━━━━━ Input material

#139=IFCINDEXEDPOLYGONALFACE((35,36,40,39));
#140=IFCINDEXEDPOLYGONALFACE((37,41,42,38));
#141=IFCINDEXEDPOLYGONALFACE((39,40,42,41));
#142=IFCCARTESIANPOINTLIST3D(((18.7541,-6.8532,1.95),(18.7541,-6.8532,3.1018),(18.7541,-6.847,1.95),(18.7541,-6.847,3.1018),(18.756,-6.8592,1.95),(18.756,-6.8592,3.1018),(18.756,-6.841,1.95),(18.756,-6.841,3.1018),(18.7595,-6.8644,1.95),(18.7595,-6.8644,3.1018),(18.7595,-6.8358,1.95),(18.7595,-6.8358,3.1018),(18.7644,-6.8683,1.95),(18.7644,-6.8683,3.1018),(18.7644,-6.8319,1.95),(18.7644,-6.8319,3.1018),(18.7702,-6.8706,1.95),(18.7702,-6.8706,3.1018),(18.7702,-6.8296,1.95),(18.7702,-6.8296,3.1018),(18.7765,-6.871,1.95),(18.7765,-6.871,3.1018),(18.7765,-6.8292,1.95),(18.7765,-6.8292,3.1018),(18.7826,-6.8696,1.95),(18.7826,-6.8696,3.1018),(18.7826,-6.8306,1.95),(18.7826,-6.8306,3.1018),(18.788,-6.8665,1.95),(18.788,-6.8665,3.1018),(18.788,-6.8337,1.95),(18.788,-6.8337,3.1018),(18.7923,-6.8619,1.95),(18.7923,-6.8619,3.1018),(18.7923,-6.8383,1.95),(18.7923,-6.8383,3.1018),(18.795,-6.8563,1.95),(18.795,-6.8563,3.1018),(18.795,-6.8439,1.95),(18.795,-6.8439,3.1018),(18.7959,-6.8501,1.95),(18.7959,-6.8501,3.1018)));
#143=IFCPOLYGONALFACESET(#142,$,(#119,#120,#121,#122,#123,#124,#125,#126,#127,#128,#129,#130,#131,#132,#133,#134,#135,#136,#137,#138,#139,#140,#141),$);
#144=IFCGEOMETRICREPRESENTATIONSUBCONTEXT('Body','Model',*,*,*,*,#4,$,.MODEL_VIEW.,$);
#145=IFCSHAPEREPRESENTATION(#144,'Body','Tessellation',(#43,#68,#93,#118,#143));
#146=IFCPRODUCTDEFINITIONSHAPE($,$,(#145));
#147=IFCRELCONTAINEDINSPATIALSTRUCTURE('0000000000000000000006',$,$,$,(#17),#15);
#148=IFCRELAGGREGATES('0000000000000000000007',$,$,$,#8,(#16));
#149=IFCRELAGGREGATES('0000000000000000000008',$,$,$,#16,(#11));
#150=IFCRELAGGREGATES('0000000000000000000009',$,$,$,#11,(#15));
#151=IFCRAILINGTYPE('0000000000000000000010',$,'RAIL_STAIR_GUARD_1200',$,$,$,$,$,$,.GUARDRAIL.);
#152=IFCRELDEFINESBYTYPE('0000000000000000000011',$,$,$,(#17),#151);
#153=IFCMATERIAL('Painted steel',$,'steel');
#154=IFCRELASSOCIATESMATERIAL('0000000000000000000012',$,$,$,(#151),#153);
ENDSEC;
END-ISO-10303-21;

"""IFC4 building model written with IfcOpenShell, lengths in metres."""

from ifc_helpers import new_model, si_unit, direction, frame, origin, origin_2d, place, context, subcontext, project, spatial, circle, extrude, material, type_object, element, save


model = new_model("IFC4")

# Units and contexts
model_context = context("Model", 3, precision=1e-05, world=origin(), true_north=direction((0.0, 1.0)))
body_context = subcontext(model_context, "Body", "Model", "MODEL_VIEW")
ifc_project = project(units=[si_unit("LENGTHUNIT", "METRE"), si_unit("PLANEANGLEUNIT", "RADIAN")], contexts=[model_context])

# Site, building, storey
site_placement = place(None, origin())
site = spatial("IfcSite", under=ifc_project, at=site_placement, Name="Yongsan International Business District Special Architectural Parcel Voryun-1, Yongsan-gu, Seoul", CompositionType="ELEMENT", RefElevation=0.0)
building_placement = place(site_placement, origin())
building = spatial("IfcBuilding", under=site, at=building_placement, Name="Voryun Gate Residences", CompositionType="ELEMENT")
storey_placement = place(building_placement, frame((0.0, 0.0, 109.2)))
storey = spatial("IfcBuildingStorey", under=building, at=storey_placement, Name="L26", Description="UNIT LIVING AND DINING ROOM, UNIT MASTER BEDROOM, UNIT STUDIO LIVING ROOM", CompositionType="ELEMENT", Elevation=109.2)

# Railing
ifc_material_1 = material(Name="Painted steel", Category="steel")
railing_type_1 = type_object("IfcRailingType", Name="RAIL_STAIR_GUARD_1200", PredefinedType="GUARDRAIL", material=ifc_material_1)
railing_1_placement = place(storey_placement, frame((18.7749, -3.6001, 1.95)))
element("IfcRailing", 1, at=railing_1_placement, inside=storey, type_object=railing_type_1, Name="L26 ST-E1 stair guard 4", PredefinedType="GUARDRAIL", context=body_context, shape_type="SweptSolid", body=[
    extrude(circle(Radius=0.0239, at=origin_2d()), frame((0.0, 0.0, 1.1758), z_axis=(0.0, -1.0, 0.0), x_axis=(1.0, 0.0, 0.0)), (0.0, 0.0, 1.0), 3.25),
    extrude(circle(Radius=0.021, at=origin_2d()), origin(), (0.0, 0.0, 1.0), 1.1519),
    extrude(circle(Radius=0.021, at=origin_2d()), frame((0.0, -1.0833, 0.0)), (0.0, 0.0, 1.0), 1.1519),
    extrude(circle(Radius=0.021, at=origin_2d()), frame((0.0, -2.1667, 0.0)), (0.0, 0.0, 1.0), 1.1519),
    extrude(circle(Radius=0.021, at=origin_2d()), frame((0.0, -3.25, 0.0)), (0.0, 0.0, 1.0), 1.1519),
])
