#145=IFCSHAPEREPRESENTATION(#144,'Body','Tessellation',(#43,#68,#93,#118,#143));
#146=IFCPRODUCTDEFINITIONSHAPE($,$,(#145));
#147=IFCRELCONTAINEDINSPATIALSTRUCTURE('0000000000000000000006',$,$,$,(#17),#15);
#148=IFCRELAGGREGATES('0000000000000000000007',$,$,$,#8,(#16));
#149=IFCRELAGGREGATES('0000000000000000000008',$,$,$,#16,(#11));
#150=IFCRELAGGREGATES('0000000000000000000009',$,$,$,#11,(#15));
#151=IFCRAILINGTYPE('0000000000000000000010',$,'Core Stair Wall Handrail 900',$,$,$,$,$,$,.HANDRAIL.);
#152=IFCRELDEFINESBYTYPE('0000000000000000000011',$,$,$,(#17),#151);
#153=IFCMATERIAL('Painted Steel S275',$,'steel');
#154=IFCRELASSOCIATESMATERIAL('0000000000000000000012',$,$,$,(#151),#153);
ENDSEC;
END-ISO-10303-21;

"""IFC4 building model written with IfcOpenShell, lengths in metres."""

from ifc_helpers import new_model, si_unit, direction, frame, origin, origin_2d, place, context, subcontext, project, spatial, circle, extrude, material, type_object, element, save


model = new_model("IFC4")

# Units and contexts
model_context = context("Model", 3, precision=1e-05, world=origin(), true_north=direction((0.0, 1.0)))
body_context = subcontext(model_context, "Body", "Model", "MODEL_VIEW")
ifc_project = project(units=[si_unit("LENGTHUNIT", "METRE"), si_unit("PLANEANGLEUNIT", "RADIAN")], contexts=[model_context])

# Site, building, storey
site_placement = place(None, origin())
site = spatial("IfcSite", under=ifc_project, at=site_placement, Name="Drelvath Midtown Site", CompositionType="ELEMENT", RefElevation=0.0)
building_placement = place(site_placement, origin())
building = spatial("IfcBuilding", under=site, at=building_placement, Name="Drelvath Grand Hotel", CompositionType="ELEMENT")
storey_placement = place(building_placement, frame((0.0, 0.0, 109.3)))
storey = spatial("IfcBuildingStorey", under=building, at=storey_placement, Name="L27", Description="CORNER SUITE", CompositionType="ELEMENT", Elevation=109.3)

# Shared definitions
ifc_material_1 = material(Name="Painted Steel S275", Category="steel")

━━━━━━━━━━

Find the word "Category" in the data and copy out each line where it turns up.

ifc_material_1 = material(Name="Painted steel", Category="steel")
ifc_material_1 = material(Name="Painted Steel S275", Category="steel")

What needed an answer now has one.